(Saved data entries)
Start of Block

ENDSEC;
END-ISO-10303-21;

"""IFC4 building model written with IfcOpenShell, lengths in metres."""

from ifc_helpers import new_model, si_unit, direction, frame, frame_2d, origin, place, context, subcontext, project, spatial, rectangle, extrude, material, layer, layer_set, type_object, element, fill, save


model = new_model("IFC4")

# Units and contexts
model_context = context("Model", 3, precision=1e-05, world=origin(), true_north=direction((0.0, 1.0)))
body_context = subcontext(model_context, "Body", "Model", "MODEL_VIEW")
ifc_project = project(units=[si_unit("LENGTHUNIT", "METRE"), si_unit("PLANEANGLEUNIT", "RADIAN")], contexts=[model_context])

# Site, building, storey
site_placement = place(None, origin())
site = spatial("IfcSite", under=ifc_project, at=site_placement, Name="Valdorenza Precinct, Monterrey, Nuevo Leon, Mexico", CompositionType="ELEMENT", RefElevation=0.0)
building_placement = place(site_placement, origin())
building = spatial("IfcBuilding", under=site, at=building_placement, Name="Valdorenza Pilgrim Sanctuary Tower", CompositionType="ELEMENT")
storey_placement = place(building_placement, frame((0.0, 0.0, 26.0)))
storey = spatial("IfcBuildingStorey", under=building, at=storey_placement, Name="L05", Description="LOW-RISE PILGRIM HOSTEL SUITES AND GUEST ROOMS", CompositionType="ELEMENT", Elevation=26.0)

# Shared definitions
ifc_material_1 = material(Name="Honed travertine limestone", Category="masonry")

End of Block

*Work item*
Only one stretch of the entries above is wanted: the lines from the one containing "# Units and contexts" through the one containing "Precinct, Monterrey, Nuevo". Please reproduce it exactly.

*Final answer*
# Units and contexts
model_context = context("Model", 3, precision=1e-05, world=origin(), true_north=direction((0.0, 1.0)))
body_context = subcontext(model_context, "Body", "Model", "MODEL_VIEW")
ifc_project = project(units=[si_unit("LENGTHUNIT", "METRE"), si_unit("PLANEANGLEUNIT", "RADIAN")], contexts=[model_context])

# Site, building, storey
site_placement = place(None, origin())
site = spatial("IfcSite", under=ifc_project, at=site_placement, Name="Valdorenza Precinct, Monterrey, Nuevo Leon, Mexico", CompositionType="ELEMENT", RefElevation=0.0)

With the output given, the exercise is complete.